About this task =
One part of the entries below is wanted: the lines from the one containing "site_placement = place(None, origin())" through the one containing "frame((0.0, 0.0, -4.2)))". Write those out exactly and nothing else.

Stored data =
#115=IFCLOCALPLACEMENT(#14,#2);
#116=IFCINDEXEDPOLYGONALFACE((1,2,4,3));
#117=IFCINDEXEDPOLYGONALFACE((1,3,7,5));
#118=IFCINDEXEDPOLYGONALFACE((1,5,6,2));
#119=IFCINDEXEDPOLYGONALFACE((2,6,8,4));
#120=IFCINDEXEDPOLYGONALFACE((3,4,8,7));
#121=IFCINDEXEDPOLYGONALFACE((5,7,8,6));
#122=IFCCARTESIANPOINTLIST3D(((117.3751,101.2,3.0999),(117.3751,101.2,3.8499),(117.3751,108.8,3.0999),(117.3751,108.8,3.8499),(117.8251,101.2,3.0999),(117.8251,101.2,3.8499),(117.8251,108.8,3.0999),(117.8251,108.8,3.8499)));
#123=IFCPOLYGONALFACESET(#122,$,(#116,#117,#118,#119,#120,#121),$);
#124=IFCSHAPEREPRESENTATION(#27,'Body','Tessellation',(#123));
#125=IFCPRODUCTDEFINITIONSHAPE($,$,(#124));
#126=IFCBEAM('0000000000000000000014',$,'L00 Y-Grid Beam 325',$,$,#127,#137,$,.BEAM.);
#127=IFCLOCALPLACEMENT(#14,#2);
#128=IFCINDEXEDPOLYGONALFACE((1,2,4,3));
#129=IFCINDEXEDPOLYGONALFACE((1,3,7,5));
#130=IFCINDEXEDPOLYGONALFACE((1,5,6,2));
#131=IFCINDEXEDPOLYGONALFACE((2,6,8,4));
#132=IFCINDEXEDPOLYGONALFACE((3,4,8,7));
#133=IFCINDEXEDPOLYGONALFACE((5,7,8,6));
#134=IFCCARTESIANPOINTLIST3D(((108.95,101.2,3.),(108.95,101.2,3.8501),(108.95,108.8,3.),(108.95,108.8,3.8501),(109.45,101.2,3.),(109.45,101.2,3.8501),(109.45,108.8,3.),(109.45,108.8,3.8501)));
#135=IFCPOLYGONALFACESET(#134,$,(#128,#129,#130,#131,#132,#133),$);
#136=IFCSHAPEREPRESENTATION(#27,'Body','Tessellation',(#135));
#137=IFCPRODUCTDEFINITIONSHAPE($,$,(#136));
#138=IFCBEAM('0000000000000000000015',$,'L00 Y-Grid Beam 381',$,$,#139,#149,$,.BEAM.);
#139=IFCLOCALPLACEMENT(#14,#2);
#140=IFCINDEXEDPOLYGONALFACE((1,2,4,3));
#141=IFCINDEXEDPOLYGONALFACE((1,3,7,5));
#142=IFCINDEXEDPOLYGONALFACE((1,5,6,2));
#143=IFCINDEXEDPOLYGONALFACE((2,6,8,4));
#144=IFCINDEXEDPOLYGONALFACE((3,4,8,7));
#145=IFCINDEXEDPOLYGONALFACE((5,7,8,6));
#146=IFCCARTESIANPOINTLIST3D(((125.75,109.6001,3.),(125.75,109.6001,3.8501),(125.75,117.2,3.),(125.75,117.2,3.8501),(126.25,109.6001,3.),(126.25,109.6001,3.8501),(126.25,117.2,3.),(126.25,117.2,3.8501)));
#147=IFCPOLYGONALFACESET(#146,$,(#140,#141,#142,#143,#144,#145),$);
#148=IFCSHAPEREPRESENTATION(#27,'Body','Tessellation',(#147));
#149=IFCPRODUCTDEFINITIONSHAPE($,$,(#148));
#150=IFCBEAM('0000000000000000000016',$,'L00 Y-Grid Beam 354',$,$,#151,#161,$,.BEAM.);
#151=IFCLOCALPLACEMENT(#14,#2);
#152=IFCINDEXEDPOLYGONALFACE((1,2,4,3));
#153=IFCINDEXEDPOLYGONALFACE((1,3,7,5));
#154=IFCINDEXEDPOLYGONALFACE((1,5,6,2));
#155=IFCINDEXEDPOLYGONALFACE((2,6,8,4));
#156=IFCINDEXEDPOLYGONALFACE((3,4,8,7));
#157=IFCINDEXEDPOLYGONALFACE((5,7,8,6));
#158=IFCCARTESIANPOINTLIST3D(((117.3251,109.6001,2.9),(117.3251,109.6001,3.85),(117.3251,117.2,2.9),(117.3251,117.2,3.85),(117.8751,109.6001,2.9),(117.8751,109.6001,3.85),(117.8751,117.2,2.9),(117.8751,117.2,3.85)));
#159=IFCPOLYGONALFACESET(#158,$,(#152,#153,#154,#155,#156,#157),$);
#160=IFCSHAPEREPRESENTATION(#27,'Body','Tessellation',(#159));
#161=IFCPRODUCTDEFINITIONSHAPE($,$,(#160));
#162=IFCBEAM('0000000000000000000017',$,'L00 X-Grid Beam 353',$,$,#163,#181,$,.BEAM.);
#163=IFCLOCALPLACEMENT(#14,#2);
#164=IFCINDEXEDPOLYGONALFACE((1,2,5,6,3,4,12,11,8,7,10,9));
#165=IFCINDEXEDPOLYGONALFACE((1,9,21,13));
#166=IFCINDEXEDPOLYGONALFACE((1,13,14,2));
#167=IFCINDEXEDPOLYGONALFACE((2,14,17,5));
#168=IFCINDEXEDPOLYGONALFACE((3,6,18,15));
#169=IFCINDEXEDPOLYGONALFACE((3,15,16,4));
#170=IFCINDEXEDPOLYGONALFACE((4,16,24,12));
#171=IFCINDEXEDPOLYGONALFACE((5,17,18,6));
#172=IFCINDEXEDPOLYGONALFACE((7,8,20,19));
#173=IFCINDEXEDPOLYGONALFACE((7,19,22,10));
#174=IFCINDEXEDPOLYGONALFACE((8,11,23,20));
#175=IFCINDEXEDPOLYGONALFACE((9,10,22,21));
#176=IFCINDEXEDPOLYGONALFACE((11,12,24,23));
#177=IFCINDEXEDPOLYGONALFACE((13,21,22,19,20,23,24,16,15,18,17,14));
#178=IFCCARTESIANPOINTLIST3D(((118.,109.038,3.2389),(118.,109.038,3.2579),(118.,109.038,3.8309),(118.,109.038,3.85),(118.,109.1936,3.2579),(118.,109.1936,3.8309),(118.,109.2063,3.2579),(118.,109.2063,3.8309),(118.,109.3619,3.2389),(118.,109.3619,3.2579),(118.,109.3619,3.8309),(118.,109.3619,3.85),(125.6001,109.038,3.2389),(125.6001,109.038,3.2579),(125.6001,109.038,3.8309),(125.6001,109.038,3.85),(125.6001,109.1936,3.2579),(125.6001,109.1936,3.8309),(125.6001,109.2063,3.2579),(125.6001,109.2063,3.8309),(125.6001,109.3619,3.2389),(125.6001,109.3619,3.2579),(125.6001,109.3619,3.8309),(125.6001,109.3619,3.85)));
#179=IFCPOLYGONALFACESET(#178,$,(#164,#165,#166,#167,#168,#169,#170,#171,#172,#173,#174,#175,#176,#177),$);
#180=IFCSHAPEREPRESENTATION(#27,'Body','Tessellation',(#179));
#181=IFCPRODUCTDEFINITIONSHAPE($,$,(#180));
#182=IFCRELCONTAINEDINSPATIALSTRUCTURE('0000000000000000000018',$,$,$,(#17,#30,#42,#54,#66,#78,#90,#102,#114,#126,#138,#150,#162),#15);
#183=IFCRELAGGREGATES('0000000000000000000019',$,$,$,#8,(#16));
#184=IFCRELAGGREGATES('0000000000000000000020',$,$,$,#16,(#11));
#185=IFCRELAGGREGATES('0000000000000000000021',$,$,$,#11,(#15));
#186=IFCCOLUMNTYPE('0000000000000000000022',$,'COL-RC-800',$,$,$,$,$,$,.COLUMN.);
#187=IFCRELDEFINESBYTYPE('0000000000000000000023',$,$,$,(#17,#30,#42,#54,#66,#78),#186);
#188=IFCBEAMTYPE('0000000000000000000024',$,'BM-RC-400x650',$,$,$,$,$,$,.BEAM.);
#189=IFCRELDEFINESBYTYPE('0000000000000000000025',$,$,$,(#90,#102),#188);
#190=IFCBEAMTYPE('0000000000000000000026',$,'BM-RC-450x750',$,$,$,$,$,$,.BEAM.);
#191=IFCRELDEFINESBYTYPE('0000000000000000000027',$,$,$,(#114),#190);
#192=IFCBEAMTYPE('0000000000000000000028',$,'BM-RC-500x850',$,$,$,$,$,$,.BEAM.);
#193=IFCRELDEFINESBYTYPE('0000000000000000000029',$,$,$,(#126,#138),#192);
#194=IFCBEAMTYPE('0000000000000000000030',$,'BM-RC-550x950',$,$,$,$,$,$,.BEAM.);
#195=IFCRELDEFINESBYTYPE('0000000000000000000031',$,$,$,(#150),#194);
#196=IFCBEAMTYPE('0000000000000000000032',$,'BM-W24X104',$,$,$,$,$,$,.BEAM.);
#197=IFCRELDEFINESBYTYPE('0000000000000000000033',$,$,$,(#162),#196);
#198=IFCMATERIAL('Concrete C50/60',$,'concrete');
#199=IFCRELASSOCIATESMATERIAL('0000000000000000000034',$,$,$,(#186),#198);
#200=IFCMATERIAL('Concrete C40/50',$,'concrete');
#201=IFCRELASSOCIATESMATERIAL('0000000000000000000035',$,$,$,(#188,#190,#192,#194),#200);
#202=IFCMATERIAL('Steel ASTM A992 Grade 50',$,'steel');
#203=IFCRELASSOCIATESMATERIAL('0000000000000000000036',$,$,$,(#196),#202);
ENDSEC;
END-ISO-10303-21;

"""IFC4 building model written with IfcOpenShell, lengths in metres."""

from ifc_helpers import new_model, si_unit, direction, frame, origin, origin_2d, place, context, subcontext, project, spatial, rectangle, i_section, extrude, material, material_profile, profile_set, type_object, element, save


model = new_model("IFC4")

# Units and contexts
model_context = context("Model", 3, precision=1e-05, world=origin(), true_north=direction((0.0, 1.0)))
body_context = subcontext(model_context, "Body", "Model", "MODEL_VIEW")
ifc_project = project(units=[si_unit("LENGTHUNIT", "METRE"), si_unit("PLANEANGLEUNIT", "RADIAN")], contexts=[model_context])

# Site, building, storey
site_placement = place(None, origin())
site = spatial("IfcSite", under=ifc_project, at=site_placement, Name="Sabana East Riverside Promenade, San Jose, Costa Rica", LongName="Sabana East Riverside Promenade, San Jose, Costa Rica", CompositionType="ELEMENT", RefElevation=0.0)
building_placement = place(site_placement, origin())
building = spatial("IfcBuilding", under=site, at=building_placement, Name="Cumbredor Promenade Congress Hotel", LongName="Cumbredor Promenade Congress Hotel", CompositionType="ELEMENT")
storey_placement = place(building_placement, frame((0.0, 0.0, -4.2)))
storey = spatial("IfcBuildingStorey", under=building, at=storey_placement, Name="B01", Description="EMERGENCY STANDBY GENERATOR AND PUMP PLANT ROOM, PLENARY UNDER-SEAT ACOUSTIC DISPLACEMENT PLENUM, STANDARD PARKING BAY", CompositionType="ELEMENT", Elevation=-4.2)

Exercise response =
site_placement = place(None, origin())
site = spatial("IfcSite", under=ifc_project, at=site_placement, Name="Sabana East Riverside Promenade, San Jose, Costa Rica", LongName="Sabana East Riverside Promenade, San Jose, Costa Rica", CompositionType="ELEMENT", RefElevation=0.0)
building_placement = place(site_placement, origin())
building = spatial("IfcBuilding", under=site, at=building_placement, Name="Cumbredor Promenade Congress Hotel", LongName="Cumbredor Promenade Congress Hotel", CompositionType="ELEMENT")
storey_placement = place(building_placement, frame((0.0, 0.0, -4.2)))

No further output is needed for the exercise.